(Stored data)

##########

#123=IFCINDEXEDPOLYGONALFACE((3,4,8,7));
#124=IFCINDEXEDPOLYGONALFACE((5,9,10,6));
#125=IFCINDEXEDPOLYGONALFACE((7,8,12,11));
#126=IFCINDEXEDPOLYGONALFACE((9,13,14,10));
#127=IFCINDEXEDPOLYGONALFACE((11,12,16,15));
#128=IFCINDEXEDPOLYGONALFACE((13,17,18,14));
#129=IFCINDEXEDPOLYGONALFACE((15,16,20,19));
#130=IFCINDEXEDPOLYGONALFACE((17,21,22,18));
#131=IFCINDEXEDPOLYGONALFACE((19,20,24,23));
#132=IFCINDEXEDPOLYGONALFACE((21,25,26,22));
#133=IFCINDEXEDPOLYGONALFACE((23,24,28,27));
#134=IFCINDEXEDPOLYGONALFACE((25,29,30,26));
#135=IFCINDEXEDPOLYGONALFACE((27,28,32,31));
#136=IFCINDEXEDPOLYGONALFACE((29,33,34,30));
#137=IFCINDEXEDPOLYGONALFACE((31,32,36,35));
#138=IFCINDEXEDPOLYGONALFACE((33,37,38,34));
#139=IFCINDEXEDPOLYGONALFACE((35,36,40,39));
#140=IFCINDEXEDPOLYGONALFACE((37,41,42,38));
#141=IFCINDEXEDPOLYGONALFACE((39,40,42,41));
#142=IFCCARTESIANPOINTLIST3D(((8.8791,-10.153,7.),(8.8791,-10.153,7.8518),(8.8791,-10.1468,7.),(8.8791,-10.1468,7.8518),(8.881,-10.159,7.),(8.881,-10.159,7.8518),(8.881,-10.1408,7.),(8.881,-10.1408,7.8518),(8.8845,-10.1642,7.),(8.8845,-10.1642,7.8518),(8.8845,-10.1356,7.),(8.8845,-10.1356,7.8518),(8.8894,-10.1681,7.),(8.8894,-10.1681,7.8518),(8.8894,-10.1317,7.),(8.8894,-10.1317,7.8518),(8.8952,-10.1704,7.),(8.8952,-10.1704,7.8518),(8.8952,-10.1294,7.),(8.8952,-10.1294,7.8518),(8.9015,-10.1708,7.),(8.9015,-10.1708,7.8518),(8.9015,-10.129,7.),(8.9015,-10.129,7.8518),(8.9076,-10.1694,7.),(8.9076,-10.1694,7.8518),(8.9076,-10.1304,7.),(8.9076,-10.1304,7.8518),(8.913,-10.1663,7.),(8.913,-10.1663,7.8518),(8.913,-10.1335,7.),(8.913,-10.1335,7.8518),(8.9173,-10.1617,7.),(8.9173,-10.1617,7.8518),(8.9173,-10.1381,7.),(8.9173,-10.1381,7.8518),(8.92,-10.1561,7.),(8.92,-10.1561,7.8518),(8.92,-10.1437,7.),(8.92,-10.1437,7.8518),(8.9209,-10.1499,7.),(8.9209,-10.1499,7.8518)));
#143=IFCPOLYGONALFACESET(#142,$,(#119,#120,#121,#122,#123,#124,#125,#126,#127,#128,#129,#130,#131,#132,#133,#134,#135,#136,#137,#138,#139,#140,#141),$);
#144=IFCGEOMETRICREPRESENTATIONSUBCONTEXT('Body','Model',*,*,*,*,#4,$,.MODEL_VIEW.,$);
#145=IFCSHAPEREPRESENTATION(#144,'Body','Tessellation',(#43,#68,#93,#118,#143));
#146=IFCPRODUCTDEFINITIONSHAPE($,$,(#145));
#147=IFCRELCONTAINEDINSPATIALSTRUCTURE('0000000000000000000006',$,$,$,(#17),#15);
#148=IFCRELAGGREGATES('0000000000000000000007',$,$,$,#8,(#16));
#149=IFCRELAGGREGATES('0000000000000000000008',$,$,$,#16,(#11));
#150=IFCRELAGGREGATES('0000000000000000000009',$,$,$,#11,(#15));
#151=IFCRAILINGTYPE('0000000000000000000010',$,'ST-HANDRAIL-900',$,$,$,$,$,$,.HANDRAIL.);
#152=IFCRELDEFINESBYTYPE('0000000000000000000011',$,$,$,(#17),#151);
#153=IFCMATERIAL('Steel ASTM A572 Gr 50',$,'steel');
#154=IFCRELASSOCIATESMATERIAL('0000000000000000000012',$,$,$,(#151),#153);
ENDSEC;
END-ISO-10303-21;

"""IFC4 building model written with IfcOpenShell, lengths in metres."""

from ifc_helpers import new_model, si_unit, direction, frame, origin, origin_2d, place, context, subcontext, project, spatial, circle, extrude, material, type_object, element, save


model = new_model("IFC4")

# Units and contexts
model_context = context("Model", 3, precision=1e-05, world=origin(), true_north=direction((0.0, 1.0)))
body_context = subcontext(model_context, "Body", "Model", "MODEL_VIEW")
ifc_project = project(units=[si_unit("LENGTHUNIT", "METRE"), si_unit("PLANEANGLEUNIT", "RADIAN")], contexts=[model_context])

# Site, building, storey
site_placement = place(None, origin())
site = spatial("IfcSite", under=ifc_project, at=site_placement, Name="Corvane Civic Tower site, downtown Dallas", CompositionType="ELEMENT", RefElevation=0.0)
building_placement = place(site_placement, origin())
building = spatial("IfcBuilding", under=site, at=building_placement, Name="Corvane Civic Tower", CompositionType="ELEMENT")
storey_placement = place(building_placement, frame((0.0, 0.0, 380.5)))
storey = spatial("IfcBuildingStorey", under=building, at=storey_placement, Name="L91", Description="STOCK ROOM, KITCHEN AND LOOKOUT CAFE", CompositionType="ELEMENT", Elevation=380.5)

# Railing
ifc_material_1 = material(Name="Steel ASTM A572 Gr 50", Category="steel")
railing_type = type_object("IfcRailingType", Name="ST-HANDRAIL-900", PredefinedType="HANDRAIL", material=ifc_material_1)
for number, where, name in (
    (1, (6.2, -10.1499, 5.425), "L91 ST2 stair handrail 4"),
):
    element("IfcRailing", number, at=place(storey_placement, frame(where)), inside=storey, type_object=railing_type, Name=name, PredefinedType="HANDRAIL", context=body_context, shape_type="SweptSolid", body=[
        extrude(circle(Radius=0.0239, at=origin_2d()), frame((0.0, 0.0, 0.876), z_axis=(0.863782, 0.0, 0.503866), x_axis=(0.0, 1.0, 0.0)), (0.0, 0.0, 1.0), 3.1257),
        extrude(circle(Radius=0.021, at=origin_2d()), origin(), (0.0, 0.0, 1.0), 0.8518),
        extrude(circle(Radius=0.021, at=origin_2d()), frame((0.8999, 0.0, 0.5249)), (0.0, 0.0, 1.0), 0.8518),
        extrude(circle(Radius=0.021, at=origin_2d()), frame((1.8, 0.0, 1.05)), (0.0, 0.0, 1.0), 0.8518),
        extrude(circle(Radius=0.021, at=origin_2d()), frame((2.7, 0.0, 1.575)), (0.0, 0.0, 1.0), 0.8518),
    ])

##########

Exactly as written, reproduce the lines of the data above from the first line through the line where "#141=IFCINDEXEDPOLYGONALFACE((39,40,42,41));" appears.

#123=IFCINDEXEDPOLYGONALFACE((3,4,8,7));
#124=IFCINDEXEDPOLYGONALFACE((5,9,10,6));
#125=IFCINDEXEDPOLYGONALFACE((7,8,12,11));
#126=IFCINDEXEDPOLYGONALFACE((9,13,14,10));
#127=IFCINDEXEDPOLYGONALFACE((11,12,16,15));
#128=IFCINDEXEDPOLYGONALFACE((13,17,18,14));
#129=IFCINDEXEDPOLYGONALFACE((15,16,20,19));
#130=IFCINDEXEDPOLYGONALFACE((17,21,22,18));
#131=IFCINDEXEDPOLYGONALFACE((19,20,24,23));
#132=IFCINDEXEDPOLYGONALFACE((21,25,26,22));
#133=IFCINDEXEDPOLYGONALFACE((23,24,28,27));
#134=IFCINDEXEDPOLYGONALFACE((25,29,30,26));
#135=IFCINDEXEDPOLYGONALFACE((27,28,32,31));
#136=IFCINDEXEDPOLYGONALFACE((29,33,34,30));
#137=IFCINDEXEDPOLYGONALFACE((31,32,36,35));
#138=IFCINDEXEDPOLYGONALFACE((33,37,38,34));
#139=IFCINDEXEDPOLYGONALFACE((35,36,40,39));
#140=IFCINDEXEDPOLYGONALFACE((37,41,42,38));
#141=IFCINDEXEDPOLYGONALFACE((39,40,42,41));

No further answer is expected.